• EXERCISE PROMPT: In the material below, tally the lines that include the string "aggregate", then write down only the total.

• RECORD EXCERPTS:
===
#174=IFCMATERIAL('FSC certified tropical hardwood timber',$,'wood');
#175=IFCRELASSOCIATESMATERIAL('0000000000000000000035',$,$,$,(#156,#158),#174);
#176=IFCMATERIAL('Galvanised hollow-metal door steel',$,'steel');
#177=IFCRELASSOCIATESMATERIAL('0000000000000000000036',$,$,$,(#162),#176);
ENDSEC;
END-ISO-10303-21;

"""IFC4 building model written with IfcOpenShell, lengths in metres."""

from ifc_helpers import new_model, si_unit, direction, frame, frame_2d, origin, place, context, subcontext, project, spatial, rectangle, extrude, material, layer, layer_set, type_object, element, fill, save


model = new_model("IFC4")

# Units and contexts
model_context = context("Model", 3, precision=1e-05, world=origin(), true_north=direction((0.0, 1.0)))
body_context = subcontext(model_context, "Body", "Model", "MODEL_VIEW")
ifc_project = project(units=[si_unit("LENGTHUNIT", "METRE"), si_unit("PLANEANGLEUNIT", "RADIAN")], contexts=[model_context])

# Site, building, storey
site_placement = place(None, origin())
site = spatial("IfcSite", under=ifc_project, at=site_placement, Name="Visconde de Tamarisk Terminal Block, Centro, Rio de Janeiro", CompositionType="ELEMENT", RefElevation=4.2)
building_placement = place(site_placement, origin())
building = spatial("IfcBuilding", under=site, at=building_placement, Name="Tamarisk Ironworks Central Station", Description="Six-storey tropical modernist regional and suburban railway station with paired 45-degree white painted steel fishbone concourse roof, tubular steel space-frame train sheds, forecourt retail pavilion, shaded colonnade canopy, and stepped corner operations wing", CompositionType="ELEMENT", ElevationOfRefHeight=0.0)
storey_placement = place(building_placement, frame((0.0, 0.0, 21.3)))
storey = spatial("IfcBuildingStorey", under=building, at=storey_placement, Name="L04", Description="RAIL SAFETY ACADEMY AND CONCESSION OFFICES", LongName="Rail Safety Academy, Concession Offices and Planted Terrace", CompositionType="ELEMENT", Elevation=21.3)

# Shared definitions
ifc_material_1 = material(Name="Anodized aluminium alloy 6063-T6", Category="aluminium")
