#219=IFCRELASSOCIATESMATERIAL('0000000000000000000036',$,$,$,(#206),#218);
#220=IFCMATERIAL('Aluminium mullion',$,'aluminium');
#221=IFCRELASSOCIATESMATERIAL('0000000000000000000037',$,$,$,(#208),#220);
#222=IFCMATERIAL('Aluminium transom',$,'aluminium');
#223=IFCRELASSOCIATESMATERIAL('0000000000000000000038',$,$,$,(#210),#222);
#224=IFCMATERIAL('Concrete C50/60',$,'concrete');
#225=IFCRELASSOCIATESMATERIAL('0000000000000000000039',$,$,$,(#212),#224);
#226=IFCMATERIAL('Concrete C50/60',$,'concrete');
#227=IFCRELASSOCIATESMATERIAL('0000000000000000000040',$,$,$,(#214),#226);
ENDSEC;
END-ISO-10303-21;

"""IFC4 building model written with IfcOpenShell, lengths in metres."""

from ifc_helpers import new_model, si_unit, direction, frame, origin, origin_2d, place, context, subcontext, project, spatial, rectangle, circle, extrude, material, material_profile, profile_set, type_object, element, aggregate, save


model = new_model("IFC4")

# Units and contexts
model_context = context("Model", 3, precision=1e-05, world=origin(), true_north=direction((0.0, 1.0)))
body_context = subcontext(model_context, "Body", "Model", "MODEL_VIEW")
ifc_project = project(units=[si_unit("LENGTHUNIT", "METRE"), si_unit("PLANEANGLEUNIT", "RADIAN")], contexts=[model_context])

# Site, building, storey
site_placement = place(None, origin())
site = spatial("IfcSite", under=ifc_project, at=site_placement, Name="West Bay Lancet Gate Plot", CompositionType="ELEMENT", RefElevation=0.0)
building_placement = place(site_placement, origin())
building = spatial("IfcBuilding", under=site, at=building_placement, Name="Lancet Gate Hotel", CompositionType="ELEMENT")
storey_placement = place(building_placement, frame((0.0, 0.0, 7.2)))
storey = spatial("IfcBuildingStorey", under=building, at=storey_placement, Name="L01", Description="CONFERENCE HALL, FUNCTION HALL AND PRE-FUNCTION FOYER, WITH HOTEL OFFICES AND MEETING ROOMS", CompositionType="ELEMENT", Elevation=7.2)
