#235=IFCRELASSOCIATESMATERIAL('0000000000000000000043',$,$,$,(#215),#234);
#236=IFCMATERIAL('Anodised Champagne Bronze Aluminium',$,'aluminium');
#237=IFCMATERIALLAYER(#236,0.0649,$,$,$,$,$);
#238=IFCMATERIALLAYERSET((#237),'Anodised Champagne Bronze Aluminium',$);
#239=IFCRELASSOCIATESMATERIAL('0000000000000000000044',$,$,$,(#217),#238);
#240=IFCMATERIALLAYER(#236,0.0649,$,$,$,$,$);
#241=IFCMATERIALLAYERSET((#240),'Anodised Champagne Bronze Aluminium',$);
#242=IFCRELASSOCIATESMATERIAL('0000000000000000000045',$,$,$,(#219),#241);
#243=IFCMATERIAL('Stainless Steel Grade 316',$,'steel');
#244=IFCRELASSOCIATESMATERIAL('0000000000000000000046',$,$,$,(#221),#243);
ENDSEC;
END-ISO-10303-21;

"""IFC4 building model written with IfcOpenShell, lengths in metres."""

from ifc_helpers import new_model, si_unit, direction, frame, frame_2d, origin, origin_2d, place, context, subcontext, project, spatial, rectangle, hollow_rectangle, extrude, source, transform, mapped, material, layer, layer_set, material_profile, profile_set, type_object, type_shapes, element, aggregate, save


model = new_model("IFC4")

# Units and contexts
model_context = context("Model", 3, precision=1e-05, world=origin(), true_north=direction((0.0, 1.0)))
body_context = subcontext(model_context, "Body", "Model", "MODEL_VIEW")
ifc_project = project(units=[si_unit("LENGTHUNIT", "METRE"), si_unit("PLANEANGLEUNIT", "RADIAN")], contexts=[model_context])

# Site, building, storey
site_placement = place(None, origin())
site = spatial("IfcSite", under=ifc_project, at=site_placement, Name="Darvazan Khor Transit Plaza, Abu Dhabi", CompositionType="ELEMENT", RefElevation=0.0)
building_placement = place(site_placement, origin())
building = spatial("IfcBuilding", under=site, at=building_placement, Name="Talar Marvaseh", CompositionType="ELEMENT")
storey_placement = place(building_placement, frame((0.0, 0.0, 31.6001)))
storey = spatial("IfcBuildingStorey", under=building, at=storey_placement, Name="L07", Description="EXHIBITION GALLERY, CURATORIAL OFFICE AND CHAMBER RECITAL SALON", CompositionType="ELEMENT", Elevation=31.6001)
===
• RESULT FOR THIS TASK: 2